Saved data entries
○ ○ ○ ○

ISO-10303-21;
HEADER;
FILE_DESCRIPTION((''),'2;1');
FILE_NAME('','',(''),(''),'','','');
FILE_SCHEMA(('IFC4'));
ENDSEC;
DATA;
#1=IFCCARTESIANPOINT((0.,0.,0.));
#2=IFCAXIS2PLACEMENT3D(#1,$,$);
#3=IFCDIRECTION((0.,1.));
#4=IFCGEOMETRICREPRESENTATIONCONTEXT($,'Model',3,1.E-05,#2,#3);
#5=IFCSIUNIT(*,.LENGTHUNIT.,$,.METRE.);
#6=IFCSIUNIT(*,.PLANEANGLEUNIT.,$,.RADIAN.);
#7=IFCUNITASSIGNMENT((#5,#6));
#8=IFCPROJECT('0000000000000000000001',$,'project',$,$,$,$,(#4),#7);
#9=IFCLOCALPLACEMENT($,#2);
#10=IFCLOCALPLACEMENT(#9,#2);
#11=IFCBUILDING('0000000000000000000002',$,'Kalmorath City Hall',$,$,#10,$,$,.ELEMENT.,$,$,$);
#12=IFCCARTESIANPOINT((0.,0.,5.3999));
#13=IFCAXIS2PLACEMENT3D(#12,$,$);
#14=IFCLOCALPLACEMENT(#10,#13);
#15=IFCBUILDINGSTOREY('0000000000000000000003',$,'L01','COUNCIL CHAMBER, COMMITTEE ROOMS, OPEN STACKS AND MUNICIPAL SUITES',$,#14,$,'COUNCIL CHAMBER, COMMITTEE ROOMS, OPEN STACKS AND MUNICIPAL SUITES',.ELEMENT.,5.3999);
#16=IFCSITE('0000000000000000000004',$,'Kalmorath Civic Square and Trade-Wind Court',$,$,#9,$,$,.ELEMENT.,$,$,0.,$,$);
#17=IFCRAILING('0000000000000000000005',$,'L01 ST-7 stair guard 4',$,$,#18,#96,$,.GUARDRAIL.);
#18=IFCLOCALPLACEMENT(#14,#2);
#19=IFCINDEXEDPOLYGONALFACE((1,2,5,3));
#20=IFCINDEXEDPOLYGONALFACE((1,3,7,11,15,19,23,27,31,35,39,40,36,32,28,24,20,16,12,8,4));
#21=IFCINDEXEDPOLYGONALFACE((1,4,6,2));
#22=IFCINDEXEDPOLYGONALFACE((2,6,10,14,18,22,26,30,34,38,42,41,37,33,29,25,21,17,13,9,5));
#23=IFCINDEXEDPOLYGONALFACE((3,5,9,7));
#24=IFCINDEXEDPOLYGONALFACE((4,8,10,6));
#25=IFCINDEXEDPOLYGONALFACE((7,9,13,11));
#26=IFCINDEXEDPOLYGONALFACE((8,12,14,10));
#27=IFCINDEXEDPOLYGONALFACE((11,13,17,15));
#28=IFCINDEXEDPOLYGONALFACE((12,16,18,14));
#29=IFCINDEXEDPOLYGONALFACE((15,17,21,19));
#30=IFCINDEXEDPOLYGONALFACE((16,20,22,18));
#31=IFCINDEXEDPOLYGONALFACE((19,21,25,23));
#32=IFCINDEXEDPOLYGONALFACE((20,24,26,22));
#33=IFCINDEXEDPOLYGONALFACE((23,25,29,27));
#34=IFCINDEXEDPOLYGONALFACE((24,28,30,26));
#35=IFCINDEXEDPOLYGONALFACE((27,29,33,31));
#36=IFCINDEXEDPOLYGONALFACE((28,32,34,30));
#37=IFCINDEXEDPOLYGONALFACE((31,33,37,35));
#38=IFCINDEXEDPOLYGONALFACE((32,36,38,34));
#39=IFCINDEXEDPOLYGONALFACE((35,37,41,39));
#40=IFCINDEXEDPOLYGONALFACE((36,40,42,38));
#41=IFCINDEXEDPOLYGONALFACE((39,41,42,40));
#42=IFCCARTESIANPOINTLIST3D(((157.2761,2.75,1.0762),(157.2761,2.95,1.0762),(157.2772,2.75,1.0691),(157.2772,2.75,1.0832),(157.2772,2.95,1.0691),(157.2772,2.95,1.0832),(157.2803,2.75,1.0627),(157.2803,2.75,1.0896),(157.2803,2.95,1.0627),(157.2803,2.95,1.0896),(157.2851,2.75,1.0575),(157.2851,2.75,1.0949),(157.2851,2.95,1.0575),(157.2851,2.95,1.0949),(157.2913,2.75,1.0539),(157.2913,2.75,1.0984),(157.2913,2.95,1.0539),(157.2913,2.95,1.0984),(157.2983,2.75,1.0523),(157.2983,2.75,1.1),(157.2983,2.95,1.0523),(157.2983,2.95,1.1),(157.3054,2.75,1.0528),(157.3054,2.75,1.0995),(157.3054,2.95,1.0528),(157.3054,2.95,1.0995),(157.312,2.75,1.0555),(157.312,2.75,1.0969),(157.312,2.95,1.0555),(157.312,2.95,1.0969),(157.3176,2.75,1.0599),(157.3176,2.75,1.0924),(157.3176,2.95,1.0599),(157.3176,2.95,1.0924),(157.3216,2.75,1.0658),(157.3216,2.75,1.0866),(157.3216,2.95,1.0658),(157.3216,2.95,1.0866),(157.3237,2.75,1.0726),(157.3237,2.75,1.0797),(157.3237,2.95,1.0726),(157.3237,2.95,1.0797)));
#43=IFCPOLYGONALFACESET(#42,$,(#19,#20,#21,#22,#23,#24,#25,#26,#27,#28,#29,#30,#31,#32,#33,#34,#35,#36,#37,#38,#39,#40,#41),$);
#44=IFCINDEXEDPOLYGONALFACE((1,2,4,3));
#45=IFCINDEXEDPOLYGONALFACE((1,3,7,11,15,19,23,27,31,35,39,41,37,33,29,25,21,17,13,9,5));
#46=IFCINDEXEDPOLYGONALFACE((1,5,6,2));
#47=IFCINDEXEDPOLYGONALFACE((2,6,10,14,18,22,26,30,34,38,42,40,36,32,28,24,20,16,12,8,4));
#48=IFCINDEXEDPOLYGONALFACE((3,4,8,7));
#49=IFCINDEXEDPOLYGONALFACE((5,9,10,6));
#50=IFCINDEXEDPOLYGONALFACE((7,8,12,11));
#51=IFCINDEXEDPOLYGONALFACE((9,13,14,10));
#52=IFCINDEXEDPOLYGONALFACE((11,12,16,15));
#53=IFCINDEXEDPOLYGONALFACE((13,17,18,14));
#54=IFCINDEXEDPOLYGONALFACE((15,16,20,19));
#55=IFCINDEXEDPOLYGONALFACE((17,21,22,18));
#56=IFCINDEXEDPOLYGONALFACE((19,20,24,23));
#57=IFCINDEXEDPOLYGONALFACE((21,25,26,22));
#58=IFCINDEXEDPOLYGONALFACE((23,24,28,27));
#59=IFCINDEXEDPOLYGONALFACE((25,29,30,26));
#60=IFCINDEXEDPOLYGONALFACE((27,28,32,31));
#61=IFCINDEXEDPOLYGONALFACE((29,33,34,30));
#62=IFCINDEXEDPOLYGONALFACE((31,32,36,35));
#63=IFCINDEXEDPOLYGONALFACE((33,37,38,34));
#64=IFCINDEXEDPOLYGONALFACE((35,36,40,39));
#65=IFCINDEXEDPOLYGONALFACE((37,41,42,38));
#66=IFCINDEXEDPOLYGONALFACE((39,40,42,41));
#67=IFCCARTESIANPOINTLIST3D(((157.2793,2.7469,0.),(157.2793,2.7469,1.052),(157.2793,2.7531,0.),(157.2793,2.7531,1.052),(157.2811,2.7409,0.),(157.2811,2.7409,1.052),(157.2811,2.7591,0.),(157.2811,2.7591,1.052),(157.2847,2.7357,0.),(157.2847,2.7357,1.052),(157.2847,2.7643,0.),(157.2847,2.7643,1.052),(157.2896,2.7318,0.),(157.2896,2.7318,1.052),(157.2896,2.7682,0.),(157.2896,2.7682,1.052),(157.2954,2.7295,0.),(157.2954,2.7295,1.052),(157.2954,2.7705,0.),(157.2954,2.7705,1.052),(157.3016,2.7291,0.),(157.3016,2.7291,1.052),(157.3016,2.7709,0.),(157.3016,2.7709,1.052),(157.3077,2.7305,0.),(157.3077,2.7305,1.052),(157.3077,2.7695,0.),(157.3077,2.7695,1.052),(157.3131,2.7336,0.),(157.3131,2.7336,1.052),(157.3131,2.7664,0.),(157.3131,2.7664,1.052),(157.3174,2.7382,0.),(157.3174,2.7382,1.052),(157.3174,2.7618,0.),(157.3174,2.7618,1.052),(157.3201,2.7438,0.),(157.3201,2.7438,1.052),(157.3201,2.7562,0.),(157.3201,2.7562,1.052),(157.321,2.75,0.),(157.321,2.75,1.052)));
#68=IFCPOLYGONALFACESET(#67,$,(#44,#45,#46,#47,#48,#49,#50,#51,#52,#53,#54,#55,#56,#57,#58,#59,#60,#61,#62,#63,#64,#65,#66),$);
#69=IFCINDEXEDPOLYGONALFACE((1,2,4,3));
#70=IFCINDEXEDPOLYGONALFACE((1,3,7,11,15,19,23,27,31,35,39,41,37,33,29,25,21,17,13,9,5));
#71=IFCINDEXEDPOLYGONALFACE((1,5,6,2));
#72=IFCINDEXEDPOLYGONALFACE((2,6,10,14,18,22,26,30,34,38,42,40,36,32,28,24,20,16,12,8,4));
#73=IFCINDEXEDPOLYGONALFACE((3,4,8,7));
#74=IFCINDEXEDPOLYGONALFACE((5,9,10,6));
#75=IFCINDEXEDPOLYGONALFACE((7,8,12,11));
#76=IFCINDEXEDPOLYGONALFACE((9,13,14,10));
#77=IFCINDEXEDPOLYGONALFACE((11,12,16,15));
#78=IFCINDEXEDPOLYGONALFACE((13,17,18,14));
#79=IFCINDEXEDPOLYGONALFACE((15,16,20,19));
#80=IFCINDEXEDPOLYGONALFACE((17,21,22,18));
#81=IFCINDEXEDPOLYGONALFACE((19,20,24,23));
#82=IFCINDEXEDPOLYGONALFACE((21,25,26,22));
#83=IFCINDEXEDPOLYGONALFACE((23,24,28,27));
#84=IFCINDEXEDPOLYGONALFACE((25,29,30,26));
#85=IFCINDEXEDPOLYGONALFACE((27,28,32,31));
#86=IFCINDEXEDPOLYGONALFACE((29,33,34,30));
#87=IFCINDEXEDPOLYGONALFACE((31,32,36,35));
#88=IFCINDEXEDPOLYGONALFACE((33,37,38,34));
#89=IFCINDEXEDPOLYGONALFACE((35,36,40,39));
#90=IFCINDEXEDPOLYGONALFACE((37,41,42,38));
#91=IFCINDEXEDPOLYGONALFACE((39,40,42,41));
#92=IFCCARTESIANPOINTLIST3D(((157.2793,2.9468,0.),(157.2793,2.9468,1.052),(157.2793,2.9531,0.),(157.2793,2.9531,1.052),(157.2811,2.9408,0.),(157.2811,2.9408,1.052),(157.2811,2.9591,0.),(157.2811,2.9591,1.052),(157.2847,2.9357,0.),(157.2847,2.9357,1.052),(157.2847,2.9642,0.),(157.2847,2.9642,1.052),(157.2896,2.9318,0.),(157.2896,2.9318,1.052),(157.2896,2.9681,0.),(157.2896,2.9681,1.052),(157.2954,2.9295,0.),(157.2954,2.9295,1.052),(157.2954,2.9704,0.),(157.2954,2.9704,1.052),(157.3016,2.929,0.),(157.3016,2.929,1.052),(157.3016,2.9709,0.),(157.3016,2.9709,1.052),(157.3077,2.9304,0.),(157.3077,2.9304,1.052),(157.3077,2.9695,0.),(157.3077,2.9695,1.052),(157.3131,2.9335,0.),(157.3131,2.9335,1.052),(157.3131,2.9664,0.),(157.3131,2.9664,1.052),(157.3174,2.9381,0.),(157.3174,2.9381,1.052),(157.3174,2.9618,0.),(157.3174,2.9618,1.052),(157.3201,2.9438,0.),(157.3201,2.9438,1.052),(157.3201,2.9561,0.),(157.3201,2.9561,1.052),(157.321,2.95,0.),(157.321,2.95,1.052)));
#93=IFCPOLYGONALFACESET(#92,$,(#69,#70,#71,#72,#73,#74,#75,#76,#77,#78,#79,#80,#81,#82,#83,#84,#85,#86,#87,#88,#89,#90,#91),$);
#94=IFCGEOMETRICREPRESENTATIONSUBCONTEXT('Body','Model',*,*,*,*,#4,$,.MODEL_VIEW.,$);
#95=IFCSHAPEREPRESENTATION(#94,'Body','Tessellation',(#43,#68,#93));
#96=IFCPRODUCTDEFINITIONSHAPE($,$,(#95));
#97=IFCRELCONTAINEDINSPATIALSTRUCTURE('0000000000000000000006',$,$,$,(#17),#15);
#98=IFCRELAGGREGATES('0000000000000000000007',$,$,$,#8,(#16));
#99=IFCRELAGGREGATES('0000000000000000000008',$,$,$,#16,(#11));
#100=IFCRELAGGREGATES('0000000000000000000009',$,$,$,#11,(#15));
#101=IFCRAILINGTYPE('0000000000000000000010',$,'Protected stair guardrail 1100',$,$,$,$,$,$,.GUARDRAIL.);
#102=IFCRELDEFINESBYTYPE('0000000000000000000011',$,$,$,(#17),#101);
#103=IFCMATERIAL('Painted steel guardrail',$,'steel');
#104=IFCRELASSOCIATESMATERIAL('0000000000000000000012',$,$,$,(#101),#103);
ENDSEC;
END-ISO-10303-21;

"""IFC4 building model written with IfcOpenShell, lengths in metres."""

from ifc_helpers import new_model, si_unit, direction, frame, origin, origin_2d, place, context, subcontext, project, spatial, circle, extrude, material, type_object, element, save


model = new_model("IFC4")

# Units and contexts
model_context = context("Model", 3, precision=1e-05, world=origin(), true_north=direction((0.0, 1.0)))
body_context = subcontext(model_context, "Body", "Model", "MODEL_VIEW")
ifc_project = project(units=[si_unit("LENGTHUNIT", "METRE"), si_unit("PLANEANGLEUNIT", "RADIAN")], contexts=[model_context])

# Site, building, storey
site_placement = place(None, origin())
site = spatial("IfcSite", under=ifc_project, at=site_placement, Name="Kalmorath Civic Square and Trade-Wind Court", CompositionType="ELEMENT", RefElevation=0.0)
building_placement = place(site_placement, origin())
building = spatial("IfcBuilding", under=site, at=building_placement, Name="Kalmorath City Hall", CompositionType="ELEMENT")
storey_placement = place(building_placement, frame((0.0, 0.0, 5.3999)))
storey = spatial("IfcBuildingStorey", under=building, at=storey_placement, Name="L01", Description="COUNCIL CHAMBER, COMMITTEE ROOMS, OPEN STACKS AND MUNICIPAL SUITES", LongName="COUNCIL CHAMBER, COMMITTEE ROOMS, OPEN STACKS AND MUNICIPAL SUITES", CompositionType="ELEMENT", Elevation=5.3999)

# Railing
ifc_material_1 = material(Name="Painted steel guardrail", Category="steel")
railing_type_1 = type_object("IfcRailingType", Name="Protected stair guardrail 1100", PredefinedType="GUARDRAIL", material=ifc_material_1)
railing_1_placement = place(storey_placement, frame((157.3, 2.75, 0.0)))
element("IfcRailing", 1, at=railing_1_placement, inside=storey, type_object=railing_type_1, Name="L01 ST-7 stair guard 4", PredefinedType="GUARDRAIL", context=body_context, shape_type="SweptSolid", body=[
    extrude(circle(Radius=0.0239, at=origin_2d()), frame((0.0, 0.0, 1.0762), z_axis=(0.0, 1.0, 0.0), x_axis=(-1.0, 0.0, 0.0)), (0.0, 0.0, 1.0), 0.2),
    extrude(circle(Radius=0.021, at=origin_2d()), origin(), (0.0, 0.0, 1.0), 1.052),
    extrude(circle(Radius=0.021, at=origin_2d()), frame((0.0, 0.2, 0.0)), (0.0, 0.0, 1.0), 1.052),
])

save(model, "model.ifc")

○ ○ ○ ○

Scan the records above. Return every line with "IFCSIUNIT" in it.

#5=IFCSIUNIT(*,.LENGTHUNIT.,$,.METRE.);
#6=IFCSIUNIT(*,.PLANEANGLEUNIT.,$,.RADIAN.);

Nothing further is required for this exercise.